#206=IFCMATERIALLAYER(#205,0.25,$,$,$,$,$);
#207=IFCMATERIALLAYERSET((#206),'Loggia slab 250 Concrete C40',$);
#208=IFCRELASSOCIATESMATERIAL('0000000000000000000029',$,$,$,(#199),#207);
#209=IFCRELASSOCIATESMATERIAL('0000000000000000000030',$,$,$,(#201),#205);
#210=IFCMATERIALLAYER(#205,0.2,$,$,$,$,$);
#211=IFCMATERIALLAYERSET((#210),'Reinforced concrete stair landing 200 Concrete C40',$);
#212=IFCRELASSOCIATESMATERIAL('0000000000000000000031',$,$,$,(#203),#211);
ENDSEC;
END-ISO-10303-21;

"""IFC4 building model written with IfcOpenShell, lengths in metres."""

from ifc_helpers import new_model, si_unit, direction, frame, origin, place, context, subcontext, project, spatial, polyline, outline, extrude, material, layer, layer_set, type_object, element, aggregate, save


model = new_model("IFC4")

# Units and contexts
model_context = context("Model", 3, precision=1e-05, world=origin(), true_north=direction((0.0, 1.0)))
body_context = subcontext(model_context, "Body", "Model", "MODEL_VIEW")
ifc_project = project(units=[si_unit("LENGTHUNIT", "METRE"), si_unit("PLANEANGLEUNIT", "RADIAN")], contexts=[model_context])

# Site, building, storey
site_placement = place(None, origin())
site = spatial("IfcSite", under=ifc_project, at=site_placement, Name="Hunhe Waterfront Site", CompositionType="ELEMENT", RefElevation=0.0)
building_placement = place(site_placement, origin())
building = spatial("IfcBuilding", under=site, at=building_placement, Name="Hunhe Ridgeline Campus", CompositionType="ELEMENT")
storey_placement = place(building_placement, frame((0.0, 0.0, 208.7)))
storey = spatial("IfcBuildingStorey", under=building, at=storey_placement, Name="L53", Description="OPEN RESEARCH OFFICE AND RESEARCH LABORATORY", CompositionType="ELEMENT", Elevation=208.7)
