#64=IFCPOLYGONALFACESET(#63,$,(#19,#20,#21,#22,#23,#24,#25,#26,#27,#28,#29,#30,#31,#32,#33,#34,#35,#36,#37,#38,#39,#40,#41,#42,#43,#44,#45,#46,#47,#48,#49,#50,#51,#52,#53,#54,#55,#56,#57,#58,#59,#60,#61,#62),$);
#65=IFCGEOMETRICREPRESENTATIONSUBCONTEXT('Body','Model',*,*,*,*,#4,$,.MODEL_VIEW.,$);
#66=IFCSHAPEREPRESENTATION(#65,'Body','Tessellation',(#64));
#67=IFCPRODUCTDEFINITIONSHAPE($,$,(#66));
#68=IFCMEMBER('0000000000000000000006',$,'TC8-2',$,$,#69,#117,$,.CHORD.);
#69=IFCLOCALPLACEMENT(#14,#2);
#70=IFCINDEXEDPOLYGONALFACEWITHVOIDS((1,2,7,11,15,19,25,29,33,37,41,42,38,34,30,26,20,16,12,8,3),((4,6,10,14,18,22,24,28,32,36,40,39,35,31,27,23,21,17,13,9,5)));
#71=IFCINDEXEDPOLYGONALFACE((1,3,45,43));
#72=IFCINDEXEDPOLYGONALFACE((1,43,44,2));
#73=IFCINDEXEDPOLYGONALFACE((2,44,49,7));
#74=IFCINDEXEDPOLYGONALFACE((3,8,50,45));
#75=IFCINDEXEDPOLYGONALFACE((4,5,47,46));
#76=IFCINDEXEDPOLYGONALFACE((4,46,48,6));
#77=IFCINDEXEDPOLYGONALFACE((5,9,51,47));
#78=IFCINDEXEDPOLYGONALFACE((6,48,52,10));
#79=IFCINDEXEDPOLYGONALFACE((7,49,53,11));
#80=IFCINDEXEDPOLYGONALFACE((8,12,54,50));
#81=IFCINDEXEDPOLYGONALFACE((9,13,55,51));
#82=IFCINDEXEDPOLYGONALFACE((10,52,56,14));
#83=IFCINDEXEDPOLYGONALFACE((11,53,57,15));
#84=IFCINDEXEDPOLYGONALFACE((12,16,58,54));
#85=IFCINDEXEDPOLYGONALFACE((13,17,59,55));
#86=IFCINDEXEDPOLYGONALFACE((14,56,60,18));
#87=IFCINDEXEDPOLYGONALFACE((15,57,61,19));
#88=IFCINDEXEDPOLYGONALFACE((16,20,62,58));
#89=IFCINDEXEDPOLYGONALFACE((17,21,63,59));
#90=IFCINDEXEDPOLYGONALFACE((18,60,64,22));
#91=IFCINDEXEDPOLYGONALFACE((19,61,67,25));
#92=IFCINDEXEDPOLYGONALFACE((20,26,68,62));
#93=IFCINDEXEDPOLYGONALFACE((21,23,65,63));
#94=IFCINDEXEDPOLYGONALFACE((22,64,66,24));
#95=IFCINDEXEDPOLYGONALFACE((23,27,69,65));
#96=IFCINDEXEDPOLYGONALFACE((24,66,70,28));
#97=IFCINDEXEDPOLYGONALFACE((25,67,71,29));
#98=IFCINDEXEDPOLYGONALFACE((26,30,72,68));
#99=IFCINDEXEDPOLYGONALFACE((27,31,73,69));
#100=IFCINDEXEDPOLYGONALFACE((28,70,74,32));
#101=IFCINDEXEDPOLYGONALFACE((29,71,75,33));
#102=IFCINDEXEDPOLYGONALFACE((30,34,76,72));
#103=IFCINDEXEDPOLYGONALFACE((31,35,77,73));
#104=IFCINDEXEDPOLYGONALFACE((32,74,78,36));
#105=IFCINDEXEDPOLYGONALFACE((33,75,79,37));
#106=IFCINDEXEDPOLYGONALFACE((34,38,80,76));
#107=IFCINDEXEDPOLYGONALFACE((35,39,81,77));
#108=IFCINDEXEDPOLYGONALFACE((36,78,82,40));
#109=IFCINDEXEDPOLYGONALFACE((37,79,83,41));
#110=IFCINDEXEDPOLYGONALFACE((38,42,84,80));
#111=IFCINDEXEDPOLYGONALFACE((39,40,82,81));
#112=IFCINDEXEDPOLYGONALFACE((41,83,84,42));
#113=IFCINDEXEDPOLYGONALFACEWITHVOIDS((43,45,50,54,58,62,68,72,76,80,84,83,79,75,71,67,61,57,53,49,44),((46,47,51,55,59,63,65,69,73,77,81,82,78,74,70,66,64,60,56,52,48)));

.....

**Exercise requirements:**
Please give an exact copy of the lines above, beginning with the line containing "#80=IFCINDEXEDPOLYGONALFACE((8,12,54,50));" and running through the line containing "#110=IFCINDEXEDPOLYGONALFACE((38,42,84,80));", and of no other lines.

**Solution to this exercise:**
#80=IFCINDEXEDPOLYGONALFACE((8,12,54,50));
#81=IFCINDEXEDPOLYGONALFACE((9,13,55,51));
#82=IFCINDEXEDPOLYGONALFACE((10,52,56,14));
#83=IFCINDEXEDPOLYGONALFACE((11,53,57,15));
#84=IFCINDEXEDPOLYGONALFACE((12,16,58,54));
#85=IFCINDEXEDPOLYGONALFACE((13,17,59,55));
#86=IFCINDEXEDPOLYGONALFACE((14,56,60,18));
#87=IFCINDEXEDPOLYGONALFACE((15,57,61,19));
#88=IFCINDEXEDPOLYGONALFACE((16,20,62,58));
#89=IFCINDEXEDPOLYGONALFACE((17,21,63,59));
#90=IFCINDEXEDPOLYGONALFACE((18,60,64,22));
#91=IFCINDEXEDPOLYGONALFACE((19,61,67,25));
#92=IFCINDEXEDPOLYGONALFACE((20,26,68,62));
#93=IFCINDEXEDPOLYGONALFACE((21,23,65,63));
#94=IFCINDEXEDPOLYGONALFACE((22,64,66,24));
#95=IFCINDEXEDPOLYGONALFACE((23,27,69,65));
#96=IFCINDEXEDPOLYGONALFACE((24,66,70,28));
#97=IFCINDEXEDPOLYGONALFACE((25,67,71,29));
#98=IFCINDEXEDPOLYGONALFACE((26,30,72,68));
#99=IFCINDEXEDPOLYGONALFACE((27,31,73,69));
#100=IFCINDEXEDPOLYGONALFACE((28,70,74,32));
#101=IFCINDEXEDPOLYGONALFACE((29,71,75,33));
#102=IFCINDEXEDPOLYGONALFACE((30,34,76,72));
#103=IFCINDEXEDPOLYGONALFACE((31,35,77,73));
#104=IFCINDEXEDPOLYGONALFACE((32,74,78,36));
#105=IFCINDEXEDPOLYGONALFACE((33,75,79,37));
#106=IFCINDEXEDPOLYGONALFACE((34,38,80,76));
#107=IFCINDEXEDPOLYGONALFACE((35,39,81,77));
#108=IFCINDEXEDPOLYGONALFACE((36,78,82,40));
#109=IFCINDEXEDPOLYGONALFACE((37,79,83,41));
#110=IFCINDEXEDPOLYGONALFACE((38,42,84,80));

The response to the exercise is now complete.